Collected data entries ->
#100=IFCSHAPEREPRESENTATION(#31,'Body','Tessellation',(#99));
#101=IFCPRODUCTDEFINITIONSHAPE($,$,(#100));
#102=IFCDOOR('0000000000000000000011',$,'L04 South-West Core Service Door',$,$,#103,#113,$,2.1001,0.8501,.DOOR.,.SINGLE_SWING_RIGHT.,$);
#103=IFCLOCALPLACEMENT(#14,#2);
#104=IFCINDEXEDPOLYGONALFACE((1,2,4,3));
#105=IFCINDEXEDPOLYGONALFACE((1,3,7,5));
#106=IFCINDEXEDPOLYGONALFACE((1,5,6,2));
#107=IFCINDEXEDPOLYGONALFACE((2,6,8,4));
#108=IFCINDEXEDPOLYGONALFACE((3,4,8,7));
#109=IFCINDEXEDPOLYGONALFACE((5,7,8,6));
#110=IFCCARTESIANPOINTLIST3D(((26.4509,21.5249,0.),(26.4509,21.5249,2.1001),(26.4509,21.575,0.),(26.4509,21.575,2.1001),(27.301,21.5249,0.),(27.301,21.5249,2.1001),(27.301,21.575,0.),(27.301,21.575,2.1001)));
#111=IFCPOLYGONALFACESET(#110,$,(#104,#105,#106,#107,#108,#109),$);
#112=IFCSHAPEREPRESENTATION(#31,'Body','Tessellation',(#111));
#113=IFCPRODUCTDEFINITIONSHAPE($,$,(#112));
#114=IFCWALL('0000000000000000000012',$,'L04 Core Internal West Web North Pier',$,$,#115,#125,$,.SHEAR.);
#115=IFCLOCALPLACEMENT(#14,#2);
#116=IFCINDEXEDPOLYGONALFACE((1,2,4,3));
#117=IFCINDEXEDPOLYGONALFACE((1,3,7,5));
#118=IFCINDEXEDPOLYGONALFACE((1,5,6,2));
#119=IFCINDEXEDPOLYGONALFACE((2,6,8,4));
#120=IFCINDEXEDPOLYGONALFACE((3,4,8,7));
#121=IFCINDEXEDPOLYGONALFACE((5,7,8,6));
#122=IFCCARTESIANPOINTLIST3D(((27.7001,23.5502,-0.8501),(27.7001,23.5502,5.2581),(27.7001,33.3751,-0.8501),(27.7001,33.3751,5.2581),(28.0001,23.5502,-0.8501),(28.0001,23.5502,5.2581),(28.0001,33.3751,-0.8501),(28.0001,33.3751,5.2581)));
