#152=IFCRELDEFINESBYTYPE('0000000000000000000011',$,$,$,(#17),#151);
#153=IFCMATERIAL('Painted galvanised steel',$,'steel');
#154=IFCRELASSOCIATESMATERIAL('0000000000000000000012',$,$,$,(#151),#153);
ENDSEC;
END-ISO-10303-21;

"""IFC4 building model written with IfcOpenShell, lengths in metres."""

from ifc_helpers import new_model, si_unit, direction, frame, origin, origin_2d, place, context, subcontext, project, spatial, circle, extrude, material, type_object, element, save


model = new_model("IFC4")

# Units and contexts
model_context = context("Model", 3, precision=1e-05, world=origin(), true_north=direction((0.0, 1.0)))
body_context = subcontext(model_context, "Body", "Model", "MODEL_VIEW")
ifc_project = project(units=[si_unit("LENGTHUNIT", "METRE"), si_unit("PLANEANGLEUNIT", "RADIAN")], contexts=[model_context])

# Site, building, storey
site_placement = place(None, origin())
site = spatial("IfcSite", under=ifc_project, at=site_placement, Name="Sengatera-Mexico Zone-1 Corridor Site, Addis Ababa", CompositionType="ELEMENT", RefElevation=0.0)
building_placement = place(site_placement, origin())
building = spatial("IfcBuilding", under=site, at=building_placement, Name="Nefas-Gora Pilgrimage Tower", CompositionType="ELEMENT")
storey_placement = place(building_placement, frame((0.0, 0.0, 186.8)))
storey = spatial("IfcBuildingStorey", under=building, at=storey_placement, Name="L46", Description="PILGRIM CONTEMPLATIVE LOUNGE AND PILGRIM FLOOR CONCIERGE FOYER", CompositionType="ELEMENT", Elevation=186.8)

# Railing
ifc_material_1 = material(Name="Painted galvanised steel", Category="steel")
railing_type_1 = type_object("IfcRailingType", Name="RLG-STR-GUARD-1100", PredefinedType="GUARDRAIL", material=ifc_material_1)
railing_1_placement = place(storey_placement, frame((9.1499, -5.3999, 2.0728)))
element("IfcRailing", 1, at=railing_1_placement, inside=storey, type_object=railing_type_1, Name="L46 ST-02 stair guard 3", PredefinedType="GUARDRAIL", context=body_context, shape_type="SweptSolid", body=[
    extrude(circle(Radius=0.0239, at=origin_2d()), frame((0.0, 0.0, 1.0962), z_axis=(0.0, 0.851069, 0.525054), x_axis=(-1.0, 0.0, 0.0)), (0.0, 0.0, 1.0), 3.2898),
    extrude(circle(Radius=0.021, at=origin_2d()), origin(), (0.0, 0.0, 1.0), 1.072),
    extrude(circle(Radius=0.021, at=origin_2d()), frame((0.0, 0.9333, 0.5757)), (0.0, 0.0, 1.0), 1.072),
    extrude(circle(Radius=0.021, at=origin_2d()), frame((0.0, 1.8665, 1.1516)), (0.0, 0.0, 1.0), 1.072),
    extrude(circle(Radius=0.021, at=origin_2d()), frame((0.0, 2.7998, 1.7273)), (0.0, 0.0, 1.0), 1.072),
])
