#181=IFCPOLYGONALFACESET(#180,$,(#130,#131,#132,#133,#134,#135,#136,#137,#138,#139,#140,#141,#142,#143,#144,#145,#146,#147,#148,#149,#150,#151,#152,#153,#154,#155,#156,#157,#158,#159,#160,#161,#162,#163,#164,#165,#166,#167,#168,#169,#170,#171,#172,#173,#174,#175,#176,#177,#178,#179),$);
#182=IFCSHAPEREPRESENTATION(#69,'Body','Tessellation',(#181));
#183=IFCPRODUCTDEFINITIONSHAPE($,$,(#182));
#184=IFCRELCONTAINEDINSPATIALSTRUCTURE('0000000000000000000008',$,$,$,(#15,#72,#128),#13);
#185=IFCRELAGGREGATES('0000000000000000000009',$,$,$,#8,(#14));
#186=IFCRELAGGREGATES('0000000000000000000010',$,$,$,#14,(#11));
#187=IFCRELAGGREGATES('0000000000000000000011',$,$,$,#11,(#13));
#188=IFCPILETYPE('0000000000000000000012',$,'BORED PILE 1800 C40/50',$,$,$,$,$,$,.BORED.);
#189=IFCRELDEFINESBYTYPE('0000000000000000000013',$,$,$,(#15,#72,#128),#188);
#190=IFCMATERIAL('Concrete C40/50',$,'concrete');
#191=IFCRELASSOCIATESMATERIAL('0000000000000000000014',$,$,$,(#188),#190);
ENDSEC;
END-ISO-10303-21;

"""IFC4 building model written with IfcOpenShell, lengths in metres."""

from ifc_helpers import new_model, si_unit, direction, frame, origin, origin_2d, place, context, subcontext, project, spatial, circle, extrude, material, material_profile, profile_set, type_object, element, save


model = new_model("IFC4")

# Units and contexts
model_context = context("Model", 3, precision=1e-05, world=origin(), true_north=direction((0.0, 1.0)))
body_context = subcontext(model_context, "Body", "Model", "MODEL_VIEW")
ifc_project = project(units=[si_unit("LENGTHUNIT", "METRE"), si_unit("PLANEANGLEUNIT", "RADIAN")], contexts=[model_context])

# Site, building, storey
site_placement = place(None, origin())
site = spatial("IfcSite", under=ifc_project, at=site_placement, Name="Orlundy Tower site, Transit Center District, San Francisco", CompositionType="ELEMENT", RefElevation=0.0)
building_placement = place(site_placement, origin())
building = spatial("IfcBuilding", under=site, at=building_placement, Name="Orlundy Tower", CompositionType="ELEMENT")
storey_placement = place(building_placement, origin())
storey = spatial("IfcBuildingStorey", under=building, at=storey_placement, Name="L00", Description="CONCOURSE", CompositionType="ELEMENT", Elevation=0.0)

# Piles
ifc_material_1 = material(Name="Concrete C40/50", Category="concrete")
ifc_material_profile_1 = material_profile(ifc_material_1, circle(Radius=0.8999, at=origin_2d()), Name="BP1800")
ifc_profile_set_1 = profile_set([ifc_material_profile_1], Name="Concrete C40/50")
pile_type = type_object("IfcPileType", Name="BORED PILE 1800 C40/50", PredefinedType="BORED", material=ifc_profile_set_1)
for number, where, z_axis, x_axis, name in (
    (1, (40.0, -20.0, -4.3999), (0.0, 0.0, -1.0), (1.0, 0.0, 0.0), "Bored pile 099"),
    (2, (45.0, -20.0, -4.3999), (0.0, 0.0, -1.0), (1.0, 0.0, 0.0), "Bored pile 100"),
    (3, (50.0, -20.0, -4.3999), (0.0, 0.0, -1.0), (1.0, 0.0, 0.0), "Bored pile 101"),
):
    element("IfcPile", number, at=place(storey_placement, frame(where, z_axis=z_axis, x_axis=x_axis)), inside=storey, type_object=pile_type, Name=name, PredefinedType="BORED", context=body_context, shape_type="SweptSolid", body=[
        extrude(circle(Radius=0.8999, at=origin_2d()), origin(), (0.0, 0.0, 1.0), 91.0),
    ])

--

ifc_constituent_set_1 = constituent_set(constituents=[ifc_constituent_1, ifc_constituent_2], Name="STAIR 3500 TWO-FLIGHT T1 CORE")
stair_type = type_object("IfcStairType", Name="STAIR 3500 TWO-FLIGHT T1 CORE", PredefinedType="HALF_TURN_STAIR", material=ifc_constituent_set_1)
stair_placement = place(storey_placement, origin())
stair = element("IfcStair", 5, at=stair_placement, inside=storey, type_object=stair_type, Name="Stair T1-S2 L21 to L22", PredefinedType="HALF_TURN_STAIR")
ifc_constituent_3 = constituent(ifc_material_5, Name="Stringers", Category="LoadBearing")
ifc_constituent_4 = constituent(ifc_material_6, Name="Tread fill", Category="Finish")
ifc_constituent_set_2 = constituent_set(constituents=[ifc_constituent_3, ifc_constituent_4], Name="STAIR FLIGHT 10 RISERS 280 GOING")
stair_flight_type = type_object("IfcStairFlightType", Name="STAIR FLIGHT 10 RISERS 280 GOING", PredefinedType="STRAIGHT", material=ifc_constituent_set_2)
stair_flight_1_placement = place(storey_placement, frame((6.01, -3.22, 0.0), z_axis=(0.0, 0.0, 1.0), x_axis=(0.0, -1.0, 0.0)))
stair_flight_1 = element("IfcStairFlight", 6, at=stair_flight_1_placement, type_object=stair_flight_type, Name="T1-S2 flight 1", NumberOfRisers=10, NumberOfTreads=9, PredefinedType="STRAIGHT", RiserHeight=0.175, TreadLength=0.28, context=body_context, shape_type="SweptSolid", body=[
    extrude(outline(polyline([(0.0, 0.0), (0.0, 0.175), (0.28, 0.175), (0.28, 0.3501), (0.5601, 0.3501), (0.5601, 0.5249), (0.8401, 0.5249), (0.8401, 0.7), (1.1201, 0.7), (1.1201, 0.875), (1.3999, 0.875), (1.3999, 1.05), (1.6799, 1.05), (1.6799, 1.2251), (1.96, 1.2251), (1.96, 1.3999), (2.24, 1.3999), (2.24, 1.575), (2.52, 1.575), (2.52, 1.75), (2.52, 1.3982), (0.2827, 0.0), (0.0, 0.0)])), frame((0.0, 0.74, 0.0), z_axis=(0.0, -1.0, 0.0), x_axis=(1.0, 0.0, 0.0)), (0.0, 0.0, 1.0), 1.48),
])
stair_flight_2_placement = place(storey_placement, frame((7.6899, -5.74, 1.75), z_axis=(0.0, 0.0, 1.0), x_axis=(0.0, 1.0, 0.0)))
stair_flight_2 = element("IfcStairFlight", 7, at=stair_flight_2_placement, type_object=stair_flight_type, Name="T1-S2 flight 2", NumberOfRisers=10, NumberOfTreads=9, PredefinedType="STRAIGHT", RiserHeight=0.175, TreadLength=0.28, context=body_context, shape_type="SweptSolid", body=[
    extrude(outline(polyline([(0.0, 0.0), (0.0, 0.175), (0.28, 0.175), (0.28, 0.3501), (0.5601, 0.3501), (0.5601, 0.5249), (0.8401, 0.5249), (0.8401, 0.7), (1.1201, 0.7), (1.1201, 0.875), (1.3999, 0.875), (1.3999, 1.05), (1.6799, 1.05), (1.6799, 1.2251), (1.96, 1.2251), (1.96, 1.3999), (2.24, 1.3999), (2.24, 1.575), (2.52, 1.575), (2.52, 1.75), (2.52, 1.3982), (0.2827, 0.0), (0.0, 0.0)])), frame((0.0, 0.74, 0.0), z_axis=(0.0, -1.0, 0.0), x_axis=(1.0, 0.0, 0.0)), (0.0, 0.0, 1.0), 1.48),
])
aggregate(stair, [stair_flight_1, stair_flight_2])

Goal of the exercise -> When the line with "#153=IFCMATERIAL('Painted galvanised steel',$,'steel');" is reached in the data above, start copying there, and copy each line exactly until the line with "frame((9.1499, -5.3999, 2.0728)))" has been copied; copy nothing else.

Solution to this problem ->
#153=IFCMATERIAL('Painted galvanised steel',$,'steel');
#154=IFCRELASSOCIATESMATERIAL('0000000000000000000012',$,$,$,(#151),#153);
ENDSEC;
END-ISO-10303-21;

"""IFC4 building model written with IfcOpenShell, lengths in metres."""

from ifc_helpers import new_model, si_unit, direction, frame, origin, origin_2d, place, context, subcontext, project, spatial, circle, extrude, material, type_object, element, save


model = new_model("IFC4")

# Units and contexts
model_context = context("Model", 3, precision=1e-05, world=origin(), true_north=direction((0.0, 1.0)))
body_context = subcontext(model_context, "Body", "Model", "MODEL_VIEW")
ifc_project = project(units=[si_unit("LENGTHUNIT", "METRE"), si_unit("PLANEANGLEUNIT", "RADIAN")], contexts=[model_context])

# Site, building, storey
site_placement = place(None, origin())
site = spatial("IfcSite", under=ifc_project, at=site_placement, Name="Sengatera-Mexico Zone-1 Corridor Site, Addis Ababa", CompositionType="ELEMENT", RefElevation=0.0)
building_placement = place(site_placement, origin())
building = spatial("IfcBuilding", under=site, at=building_placement, Name="Nefas-Gora Pilgrimage Tower", CompositionType="ELEMENT")
storey_placement = place(building_placement, frame((0.0, 0.0, 186.8)))
storey = spatial("IfcBuildingStorey", under=building, at=storey_placement, Name="L46", Description="PILGRIM CONTEMPLATIVE LOUNGE AND PILGRIM FLOOR CONCIERGE FOYER", CompositionType="ELEMENT", Elevation=186.8)

# Railing
ifc_material_1 = material(Name="Painted galvanised steel", Category="steel")
railing_type_1 = type_object("IfcRailingType", Name="RLG-STR-GUARD-1100", PredefinedType="GUARDRAIL", material=ifc_material_1)
railing_1_placement = place(storey_placement, frame((9.1499, -5.3999, 2.0728)))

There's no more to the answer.